**Work item**
In the listing below, find each line holding "IFCSIUNIT" and copy it.

=== Begin Enclosure ===

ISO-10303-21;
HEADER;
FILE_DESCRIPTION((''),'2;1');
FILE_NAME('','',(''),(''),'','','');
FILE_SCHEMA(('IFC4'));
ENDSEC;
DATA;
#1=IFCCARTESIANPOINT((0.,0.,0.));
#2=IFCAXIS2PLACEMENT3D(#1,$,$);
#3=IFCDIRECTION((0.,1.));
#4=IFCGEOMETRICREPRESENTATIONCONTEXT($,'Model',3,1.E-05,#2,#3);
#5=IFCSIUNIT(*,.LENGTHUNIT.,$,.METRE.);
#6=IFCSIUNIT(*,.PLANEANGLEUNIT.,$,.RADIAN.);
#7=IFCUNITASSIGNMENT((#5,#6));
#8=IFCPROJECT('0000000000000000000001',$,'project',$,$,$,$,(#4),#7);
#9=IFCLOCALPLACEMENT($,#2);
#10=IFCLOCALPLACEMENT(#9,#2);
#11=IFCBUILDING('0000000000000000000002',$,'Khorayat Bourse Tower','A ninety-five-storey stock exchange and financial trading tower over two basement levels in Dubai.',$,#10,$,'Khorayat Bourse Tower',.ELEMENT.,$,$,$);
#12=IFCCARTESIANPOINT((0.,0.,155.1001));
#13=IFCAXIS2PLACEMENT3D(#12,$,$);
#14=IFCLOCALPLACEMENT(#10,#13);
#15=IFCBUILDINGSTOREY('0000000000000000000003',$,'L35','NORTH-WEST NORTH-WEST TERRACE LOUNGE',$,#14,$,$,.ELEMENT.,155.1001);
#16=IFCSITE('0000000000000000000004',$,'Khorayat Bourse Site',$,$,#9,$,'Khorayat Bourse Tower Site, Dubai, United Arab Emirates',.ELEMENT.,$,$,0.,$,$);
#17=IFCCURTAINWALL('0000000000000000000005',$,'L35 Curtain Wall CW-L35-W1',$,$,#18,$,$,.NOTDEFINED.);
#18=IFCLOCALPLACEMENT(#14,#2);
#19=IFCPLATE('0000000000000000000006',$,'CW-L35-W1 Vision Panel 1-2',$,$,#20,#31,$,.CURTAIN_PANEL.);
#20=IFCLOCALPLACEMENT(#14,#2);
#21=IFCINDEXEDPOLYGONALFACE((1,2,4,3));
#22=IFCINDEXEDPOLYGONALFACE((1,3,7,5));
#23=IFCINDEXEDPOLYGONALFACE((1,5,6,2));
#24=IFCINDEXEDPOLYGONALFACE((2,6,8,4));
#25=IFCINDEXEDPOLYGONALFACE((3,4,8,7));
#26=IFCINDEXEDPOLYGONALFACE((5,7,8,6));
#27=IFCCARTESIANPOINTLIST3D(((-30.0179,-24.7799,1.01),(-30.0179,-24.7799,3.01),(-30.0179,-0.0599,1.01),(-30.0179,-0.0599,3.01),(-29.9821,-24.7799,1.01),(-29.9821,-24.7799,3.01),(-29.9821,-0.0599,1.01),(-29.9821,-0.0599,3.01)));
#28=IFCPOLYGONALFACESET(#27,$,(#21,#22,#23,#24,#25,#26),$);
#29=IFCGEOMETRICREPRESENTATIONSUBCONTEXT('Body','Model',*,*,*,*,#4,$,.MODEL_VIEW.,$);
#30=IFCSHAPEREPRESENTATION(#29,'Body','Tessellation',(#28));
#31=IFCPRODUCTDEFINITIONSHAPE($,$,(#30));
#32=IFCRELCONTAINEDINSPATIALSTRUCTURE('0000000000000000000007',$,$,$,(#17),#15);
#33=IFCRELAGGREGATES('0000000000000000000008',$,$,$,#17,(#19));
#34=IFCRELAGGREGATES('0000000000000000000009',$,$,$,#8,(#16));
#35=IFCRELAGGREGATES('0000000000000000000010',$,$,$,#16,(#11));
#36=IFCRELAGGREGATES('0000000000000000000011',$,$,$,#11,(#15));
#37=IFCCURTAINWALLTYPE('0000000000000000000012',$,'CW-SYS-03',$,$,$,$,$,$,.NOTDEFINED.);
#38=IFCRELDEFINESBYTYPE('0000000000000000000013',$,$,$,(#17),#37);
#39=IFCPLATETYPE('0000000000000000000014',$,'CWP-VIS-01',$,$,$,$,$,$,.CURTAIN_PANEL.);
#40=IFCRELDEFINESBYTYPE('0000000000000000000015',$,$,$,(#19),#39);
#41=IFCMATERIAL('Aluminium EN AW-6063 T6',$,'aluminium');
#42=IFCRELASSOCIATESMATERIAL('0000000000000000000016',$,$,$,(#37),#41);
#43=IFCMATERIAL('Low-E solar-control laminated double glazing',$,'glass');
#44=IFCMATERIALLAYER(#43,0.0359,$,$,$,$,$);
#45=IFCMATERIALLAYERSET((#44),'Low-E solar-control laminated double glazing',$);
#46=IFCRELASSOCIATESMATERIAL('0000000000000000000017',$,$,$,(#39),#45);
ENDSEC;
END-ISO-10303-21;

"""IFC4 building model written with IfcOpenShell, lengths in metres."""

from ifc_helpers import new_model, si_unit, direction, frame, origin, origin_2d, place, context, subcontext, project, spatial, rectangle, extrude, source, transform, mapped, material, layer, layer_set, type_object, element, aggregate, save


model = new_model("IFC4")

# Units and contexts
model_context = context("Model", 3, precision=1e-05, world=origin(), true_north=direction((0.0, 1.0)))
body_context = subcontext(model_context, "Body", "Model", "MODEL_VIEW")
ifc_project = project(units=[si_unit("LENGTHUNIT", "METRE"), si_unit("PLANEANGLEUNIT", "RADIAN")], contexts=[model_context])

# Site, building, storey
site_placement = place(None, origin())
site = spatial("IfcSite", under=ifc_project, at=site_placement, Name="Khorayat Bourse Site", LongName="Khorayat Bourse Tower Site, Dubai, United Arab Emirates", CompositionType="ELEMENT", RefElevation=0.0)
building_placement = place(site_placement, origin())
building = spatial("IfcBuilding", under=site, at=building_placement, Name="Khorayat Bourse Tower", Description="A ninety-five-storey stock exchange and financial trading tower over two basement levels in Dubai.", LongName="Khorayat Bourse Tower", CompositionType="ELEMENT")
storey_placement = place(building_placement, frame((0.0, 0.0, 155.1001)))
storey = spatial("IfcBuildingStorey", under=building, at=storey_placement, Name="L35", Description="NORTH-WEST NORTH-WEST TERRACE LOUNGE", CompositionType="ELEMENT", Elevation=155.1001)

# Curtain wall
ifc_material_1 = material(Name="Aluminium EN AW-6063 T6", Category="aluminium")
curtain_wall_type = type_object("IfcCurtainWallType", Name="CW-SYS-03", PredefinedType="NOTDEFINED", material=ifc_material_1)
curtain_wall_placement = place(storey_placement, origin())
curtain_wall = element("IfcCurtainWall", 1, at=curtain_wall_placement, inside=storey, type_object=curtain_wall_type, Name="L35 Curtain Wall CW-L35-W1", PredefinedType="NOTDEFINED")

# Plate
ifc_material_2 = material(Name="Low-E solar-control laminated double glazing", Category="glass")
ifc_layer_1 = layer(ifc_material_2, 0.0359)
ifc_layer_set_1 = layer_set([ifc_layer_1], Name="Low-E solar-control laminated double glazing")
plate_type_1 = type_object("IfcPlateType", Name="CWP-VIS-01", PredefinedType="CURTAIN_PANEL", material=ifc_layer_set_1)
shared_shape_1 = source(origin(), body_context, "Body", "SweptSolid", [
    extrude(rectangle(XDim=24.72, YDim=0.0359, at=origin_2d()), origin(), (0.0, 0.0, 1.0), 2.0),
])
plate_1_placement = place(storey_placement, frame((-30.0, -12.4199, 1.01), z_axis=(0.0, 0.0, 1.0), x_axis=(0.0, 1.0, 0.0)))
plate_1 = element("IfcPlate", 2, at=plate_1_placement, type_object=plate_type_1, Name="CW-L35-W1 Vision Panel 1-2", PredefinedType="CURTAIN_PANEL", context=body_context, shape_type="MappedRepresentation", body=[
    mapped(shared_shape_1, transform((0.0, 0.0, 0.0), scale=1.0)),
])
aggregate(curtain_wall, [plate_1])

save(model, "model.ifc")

=== End Enclosure ===

**Answer to this exercise**
#5=IFCSIUNIT(*,.LENGTHUNIT.,$,.METRE.);
#6=IFCSIUNIT(*,.PLANEANGLEUNIT.,$,.RADIAN.);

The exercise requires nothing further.